Problem to solve.
Below are records; count the lines among them that include the string "direction", and state only the number.

Information given.
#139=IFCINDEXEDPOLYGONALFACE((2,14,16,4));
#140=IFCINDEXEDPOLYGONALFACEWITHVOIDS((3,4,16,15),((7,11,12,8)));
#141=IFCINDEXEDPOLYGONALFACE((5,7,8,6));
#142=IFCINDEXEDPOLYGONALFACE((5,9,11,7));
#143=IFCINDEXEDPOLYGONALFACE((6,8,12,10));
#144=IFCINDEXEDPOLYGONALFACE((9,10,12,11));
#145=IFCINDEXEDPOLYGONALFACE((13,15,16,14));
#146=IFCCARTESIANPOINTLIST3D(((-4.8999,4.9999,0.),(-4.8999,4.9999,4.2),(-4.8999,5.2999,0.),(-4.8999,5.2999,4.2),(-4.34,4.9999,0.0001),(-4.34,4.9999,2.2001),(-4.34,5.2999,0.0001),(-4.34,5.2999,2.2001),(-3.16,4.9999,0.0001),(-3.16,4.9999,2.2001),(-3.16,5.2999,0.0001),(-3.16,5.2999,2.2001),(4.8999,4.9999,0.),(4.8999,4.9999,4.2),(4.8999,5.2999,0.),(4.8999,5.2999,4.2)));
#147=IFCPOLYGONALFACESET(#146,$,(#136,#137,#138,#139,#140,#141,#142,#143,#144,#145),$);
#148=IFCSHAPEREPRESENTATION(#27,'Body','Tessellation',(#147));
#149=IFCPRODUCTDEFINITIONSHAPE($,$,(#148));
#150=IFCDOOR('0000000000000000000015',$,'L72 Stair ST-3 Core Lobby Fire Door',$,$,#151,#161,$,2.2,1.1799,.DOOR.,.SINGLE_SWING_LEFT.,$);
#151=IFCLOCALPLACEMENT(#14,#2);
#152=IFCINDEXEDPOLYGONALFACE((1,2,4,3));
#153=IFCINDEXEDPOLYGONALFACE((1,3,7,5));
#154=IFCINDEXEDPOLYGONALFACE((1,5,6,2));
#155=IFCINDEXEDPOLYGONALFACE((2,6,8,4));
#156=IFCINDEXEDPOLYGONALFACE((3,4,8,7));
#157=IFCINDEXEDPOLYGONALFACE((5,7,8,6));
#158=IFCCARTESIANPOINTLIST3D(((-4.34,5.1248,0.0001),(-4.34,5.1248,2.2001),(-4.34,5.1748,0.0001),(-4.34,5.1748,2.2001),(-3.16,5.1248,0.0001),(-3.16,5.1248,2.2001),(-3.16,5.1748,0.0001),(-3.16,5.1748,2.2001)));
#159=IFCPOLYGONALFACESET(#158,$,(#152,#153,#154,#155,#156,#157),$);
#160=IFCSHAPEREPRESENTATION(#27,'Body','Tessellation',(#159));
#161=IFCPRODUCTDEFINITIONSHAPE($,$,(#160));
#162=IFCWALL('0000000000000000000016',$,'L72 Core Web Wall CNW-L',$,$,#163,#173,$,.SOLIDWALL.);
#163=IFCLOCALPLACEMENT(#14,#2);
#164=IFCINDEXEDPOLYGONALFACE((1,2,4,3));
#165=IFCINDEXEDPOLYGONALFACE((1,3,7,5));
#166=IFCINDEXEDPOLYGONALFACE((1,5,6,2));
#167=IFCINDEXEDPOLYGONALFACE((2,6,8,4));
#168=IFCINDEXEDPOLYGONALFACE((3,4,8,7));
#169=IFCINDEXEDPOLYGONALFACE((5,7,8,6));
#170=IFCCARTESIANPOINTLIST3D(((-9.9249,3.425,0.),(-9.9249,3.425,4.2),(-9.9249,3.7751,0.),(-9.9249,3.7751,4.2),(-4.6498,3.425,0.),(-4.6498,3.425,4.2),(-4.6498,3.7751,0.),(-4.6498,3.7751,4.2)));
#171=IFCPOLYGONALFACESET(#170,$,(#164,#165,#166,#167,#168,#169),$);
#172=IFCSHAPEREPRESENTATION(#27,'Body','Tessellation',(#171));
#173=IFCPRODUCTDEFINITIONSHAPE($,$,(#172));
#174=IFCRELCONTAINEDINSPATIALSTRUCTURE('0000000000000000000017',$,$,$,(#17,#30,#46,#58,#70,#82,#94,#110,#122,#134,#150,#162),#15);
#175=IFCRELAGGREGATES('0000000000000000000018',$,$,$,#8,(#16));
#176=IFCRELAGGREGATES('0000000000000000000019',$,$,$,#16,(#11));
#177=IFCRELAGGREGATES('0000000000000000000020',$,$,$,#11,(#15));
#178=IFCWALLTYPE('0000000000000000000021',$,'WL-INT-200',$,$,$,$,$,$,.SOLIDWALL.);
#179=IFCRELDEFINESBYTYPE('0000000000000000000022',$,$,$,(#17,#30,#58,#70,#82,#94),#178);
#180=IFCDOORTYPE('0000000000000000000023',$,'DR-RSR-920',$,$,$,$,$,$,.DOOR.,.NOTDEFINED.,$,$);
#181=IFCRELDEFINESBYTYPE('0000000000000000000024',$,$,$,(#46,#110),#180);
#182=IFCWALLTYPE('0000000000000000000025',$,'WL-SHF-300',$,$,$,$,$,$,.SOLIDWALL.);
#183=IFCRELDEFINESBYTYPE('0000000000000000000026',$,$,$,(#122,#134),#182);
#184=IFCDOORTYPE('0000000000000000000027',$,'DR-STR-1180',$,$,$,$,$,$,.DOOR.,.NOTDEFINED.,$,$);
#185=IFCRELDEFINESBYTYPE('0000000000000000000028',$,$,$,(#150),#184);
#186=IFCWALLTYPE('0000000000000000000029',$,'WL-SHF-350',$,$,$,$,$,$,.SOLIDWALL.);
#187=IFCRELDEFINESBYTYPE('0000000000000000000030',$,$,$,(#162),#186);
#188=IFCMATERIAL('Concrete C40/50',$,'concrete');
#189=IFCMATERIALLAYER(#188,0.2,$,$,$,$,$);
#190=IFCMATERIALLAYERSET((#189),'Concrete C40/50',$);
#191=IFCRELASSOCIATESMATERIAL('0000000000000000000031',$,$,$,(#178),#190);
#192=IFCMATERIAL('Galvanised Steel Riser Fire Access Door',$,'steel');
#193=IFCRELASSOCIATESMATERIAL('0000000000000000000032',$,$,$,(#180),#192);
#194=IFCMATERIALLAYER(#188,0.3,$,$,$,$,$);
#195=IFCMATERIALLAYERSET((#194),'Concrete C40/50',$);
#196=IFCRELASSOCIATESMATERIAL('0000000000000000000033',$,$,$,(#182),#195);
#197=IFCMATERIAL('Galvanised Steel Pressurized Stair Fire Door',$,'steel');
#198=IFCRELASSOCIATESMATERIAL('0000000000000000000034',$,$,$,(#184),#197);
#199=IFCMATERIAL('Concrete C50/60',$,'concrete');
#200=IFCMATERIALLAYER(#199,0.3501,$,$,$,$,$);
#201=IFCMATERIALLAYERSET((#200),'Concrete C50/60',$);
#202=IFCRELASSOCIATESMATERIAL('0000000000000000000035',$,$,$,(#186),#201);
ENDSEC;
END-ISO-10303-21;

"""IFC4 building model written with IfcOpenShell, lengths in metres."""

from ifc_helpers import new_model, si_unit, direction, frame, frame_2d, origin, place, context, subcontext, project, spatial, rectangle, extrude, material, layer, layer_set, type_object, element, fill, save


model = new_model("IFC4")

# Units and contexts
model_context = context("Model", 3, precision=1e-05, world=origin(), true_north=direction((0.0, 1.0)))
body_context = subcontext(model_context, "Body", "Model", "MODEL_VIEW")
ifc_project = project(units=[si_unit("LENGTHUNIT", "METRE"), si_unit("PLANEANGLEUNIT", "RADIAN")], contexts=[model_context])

Written answer.
2